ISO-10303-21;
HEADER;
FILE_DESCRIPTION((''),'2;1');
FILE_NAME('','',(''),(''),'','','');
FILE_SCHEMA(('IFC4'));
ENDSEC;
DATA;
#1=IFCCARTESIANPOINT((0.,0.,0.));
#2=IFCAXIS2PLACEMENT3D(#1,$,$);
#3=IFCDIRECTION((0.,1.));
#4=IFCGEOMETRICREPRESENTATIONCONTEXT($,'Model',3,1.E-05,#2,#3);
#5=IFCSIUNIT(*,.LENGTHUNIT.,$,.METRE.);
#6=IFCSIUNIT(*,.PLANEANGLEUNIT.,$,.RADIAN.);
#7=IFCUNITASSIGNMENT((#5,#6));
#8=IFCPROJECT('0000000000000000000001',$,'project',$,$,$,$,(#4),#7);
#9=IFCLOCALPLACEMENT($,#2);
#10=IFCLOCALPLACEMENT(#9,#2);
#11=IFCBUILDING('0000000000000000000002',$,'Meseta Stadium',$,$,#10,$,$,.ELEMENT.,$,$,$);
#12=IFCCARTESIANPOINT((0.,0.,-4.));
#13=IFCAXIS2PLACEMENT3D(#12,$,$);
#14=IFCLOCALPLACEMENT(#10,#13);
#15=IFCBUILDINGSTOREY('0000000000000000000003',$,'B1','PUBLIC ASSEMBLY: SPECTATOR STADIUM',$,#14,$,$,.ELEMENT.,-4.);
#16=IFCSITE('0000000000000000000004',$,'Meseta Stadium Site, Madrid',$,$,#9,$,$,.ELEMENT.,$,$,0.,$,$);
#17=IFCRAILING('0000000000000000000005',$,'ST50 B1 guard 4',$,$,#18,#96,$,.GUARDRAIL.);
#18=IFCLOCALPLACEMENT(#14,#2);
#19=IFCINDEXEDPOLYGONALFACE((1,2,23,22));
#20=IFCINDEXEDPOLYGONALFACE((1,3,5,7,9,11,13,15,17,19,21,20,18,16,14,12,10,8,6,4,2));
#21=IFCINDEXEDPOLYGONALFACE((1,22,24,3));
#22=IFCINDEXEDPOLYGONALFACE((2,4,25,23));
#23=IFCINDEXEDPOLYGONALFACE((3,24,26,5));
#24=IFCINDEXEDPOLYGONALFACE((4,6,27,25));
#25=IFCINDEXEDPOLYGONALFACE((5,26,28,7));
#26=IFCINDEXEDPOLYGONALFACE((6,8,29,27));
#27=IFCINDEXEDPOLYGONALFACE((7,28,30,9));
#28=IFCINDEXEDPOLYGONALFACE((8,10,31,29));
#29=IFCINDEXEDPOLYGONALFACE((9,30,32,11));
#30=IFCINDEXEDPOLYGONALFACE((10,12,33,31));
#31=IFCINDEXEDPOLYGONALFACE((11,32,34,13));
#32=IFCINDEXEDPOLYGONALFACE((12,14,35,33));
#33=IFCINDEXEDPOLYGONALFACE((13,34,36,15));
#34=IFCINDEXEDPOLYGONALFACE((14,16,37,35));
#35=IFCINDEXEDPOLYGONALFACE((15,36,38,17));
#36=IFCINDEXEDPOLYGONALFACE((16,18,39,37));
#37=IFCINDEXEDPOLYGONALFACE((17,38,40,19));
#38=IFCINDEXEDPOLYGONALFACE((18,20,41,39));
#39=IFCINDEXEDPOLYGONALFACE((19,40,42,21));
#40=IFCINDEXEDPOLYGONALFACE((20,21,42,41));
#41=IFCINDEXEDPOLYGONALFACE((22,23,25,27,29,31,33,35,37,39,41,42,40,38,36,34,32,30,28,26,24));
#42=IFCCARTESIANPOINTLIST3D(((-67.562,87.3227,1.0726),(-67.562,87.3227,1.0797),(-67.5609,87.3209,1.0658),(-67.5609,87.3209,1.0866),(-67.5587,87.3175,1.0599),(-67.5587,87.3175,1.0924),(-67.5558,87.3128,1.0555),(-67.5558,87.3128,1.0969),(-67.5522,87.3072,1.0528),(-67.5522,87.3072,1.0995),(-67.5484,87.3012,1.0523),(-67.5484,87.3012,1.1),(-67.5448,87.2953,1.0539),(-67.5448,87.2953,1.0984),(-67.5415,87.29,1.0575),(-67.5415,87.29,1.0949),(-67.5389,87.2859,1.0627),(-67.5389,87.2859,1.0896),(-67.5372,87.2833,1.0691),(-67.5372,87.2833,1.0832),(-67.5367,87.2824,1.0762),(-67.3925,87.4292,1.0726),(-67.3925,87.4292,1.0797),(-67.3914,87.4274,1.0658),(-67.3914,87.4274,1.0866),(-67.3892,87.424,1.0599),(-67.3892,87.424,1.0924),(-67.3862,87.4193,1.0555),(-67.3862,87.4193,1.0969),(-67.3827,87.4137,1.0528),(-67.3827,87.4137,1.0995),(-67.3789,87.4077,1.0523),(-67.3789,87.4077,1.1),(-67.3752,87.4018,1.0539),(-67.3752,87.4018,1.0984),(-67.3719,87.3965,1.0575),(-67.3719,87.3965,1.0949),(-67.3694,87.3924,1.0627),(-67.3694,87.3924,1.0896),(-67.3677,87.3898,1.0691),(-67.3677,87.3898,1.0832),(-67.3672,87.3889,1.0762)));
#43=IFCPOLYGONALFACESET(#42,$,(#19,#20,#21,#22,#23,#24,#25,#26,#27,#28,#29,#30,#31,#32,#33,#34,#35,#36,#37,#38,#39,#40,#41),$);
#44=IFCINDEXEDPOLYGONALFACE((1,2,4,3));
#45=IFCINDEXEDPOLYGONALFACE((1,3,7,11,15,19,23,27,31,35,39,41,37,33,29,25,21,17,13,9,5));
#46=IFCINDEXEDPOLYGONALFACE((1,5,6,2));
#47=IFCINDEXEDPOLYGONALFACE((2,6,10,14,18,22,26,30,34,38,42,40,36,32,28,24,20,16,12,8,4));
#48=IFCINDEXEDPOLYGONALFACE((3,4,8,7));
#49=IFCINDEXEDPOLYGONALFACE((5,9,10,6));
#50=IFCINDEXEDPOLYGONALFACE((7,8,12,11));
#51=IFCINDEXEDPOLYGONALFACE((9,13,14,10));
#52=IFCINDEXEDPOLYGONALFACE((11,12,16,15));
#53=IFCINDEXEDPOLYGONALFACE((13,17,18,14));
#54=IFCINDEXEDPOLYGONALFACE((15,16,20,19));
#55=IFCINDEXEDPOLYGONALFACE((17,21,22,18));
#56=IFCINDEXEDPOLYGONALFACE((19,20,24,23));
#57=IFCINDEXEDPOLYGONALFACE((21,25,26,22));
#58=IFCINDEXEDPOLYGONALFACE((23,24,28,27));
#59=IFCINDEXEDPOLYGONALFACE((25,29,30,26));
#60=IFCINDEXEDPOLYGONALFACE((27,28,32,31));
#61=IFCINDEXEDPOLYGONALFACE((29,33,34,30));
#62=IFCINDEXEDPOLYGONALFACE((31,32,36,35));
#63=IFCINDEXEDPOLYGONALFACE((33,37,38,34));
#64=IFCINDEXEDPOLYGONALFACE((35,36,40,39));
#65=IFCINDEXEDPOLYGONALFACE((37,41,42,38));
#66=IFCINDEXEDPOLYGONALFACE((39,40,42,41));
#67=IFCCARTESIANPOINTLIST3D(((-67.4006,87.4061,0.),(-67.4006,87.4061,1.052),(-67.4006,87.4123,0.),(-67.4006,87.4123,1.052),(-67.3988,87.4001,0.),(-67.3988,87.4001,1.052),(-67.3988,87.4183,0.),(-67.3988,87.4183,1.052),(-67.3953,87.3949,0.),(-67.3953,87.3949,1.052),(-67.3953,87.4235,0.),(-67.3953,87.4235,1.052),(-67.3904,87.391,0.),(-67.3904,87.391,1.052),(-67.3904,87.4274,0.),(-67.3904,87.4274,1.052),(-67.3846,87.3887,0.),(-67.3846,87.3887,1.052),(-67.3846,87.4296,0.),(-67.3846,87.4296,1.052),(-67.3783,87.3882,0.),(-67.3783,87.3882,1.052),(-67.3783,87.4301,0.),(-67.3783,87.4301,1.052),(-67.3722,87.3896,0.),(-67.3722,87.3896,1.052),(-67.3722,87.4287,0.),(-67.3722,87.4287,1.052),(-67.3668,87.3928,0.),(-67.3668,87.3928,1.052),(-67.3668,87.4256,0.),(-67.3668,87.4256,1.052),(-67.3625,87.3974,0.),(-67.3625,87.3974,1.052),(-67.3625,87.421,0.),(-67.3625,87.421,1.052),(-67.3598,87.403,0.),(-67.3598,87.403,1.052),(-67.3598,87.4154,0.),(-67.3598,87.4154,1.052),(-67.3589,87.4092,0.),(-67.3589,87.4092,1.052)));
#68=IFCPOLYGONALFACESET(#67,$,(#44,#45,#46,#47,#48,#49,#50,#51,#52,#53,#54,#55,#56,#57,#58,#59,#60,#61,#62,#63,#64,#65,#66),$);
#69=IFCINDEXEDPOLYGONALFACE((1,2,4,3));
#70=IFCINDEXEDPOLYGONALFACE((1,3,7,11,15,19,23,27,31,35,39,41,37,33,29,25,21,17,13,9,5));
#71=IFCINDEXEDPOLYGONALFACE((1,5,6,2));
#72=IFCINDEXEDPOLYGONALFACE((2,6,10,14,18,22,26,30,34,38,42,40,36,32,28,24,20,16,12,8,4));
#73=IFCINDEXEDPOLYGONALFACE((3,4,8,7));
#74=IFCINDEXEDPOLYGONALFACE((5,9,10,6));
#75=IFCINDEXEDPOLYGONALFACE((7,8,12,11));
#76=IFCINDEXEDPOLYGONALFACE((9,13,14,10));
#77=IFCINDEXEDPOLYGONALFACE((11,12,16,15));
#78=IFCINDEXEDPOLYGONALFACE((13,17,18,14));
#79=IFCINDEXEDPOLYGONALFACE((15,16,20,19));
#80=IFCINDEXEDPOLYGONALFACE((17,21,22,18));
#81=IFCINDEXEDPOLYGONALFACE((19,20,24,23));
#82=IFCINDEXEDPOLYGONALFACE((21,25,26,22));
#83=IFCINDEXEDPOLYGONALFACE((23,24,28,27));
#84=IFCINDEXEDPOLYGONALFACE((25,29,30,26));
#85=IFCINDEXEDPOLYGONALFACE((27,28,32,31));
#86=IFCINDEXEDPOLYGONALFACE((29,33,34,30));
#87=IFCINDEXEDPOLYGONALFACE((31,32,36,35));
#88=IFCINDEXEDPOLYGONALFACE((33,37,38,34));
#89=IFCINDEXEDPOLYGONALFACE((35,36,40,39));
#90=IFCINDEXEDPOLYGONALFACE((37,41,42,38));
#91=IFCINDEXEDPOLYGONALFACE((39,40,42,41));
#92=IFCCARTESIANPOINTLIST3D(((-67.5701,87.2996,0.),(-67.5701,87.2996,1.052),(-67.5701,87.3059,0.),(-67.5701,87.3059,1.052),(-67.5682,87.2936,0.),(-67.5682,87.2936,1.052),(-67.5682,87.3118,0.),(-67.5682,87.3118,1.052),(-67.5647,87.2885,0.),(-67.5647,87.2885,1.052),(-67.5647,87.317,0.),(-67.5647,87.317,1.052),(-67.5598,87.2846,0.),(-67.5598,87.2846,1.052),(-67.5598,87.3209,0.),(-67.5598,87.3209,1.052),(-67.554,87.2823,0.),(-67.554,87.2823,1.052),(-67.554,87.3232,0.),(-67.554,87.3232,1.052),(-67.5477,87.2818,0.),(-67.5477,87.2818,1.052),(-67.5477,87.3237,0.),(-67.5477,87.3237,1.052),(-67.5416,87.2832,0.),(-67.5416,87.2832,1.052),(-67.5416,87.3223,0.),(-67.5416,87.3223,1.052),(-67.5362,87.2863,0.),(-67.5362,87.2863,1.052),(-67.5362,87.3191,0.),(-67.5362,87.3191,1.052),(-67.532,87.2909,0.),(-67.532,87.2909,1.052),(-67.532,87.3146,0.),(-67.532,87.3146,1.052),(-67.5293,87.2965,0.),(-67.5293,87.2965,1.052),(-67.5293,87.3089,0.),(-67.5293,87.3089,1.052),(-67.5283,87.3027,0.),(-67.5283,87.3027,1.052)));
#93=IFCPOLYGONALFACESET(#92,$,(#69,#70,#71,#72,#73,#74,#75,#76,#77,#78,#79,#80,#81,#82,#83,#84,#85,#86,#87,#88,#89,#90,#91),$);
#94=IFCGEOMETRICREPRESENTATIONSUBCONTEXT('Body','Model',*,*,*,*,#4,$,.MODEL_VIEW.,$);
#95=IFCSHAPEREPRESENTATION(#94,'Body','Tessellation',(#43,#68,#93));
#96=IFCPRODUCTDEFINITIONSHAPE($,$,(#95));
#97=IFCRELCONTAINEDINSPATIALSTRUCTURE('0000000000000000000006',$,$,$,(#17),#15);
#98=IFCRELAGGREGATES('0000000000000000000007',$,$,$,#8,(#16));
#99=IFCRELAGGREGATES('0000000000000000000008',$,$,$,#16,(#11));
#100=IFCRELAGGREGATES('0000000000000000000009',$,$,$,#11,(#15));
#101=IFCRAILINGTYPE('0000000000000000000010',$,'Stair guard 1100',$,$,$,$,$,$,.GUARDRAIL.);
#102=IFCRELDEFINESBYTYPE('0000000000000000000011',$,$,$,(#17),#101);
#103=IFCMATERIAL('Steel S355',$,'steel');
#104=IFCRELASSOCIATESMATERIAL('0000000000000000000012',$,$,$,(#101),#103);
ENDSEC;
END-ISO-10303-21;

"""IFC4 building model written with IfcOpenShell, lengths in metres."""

from ifc_helpers import new_model, si_unit, direction, frame, origin, origin_2d, place, context, subcontext, project, spatial, circle, extrude, material, type_object, element, save


model = new_model("IFC4")

# Units and contexts
model_context = context("Model", 3, precision=1e-05, world=origin(), true_north=direction((0.0, 1.0)))
body_context = subcontext(model_context, "Body", "Model", "MODEL_VIEW")
ifc_project = project(units=[si_unit("LENGTHUNIT", "METRE"), si_unit("PLANEANGLEUNIT", "RADIAN")], contexts=[model_context])

# Site, building, storey
site_placement = place(None, origin())
site = spatial("IfcSite", under=ifc_project, at=site_placement, Name="Meseta Stadium Site, Madrid", CompositionType="ELEMENT", RefElevation=0.0)
building_placement = place(site_placement, origin())
building = spatial("IfcBuilding", under=site, at=building_placement, Name="Meseta Stadium", CompositionType="ELEMENT")
storey_placement = place(building_placement, frame((0.0, 0.0, -4.0)))
storey = spatial("IfcBuildingStorey", under=building, at=storey_placement, Name="B1", Description="PUBLIC ASSEMBLY: SPECTATOR STADIUM", CompositionType="ELEMENT", Elevation=-4.0)

# Railing
ifc_material_1 = material(Name="Steel S355", Category="steel")
railing_type_1 = type_object("IfcRailingType", Name="Stair guard 1100", PredefinedType="GUARDRAIL", material=ifc_material_1)
railing_1_placement = place(storey_placement, frame((-67.3799, 87.4092, 0.0)))
element("IfcRailing", 1, at=railing_1_placement, inside=storey, type_object=railing_type_1, Name="ST50 B1 guard 4", PredefinedType="GUARDRAIL", context=body_context, shape_type="SweptSolid", body=[
    extrude(circle(Radius=0.0239, at=origin_2d()), frame((0.0, 0.0, 1.0762), z_axis=(-0.846762, -0.531972, 0.0), x_axis=(0.531972, -0.846762, 0.0)), (0.0, 0.0, 1.0), 0.2002),
    extrude(circle(Radius=0.021, at=origin_2d()), origin(), (0.0, 0.0, 1.0), 1.052),
    extrude(circle(Radius=0.021, at=origin_2d()), frame((-0.1694, -0.1064, 0.0)), (0.0, 0.0, 1.0), 1.052),
])

save(model, "model.ifc")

■ HOW TO COMPLETE THIS TASK: How many lines in this listing contain "IFCPOLYGONALFACESET"? Give that number and stop.

■ ANSWER TO THIS EXERCISE: 3